> _TASK OBJECTIVE_:
From start to end of the material below, restate each line exactly.

> _GIVEN INFORMATION_:
Content starts
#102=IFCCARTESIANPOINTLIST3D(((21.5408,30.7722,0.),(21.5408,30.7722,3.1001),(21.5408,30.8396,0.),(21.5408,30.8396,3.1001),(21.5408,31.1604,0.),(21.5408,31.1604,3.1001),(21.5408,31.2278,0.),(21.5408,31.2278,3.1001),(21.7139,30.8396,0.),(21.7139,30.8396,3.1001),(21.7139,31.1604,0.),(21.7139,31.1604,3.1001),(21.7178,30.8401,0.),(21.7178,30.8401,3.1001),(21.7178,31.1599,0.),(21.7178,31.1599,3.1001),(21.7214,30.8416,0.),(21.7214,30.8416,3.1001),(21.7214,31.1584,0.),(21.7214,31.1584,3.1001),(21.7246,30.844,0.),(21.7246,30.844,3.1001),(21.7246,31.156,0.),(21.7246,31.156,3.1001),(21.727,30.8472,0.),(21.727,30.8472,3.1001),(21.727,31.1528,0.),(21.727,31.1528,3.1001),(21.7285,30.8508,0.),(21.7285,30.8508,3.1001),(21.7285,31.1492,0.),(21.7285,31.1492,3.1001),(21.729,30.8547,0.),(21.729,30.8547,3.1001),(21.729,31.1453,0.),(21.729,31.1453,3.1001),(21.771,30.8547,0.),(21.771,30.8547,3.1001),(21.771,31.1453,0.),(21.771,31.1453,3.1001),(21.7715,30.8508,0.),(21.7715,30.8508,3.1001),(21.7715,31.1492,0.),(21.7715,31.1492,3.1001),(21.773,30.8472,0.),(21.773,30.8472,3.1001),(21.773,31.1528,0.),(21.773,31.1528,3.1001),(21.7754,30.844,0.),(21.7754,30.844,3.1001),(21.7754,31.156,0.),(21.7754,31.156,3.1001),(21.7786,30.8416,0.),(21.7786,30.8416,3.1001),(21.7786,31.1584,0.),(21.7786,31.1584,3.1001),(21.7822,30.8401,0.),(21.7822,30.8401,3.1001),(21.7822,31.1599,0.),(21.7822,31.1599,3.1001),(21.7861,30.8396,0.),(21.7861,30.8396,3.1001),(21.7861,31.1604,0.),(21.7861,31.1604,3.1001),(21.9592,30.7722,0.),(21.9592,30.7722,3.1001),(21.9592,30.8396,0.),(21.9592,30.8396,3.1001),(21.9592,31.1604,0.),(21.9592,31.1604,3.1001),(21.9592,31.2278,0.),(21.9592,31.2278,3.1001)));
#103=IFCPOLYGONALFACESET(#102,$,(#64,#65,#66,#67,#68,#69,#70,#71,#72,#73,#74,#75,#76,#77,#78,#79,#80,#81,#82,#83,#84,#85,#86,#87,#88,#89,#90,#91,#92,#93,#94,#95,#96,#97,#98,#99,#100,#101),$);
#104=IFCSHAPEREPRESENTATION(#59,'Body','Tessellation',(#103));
Content ends
> _WORKED SOLUTION_:
#102=IFCCARTESIANPOINTLIST3D(((21.5408,30.7722,0.),(21.5408,30.7722,3.1001),(21.5408,30.8396,0.),(21.5408,30.8396,3.1001),(21.5408,31.1604,0.),(21.5408,31.1604,3.1001),(21.5408,31.2278,0.),(21.5408,31.2278,3.1001),(21.7139,30.8396,0.),(21.7139,30.8396,3.1001),(21.7139,31.1604,0.),(21.7139,31.1604,3.1001),(21.7178,30.8401,0.),(21.7178,30.8401,3.1001),(21.7178,31.1599,0.),(21.7178,31.1599,3.1001),(21.7214,30.8416,0.),(21.7214,30.8416,3.1001),(21.7214,31.1584,0.),(21.7214,31.1584,3.1001),(21.7246,30.844,0.),(21.7246,30.844,3.1001),(21.7246,31.156,0.),(21.7246,31.156,3.1001),(21.727,30.8472,0.),(21.727,30.8472,3.1001),(21.727,31.1528,0.),(21.727,31.1528,3.1001),(21.7285,30.8508,0.),(21.7285,30.8508,3.1001),(21.7285,31.1492,0.),(21.7285,31.1492,3.1001),(21.729,30.8547,0.),(21.729,30.8547,3.1001),(21.729,31.1453,0.),(21.729,31.1453,3.1001),(21.771,30.8547,0.),(21.771,30.8547,3.1001),(21.771,31.1453,0.),(21.771,31.1453,3.1001),(21.7715,30.8508,0.),(21.7715,30.8508,3.1001),(21.7715,31.1492,0.),(21.7715,31.1492,3.1001),(21.773,30.8472,0.),(21.773,30.8472,3.1001),(21.773,31.1528,0.),(21.773,31.1528,3.1001),(21.7754,30.844,0.),(21.7754,30.844,3.1001),(21.7754,31.156,0.),(21.7754,31.156,3.1001),(21.7786,30.8416,0.),(21.7786,30.8416,3.1001),(21.7786,31.1584,0.),(21.7786,31.1584,3.1001),(21.7822,30.8401,0.),(21.7822,30.8401,3.1001),(21.7822,31.1599,0.),(21.7822,31.1599,3.1001),(21.7861,30.8396,0.),(21.7861,30.8396,3.1001),(21.7861,31.1604,0.),(21.7861,31.1604,3.1001),(21.9592,30.7722,0.),(21.9592,30.7722,3.1001),(21.9592,30.8396,0.),(21.9592,30.8396,3.1001),(21.9592,31.1604,0.),(21.9592,31.1604,3.1001),(21.9592,31.2278,0.),(21.9592,31.2278,3.1001)));
#103=IFCPOLYGONALFACESET(#102,$,(#64,#65,#66,#67,#68,#69,#70,#71,#72,#73,#74,#75,#76,#77,#78,#79,#80,#81,#82,#83,#84,#85,#86,#87,#88,#89,#90,#91,#92,#93,#94,#95,#96,#97,#98,#99,#100,#101),$);
#104=IFCSHAPEREPRESENTATION(#59,'Body','Tessellation',(#103));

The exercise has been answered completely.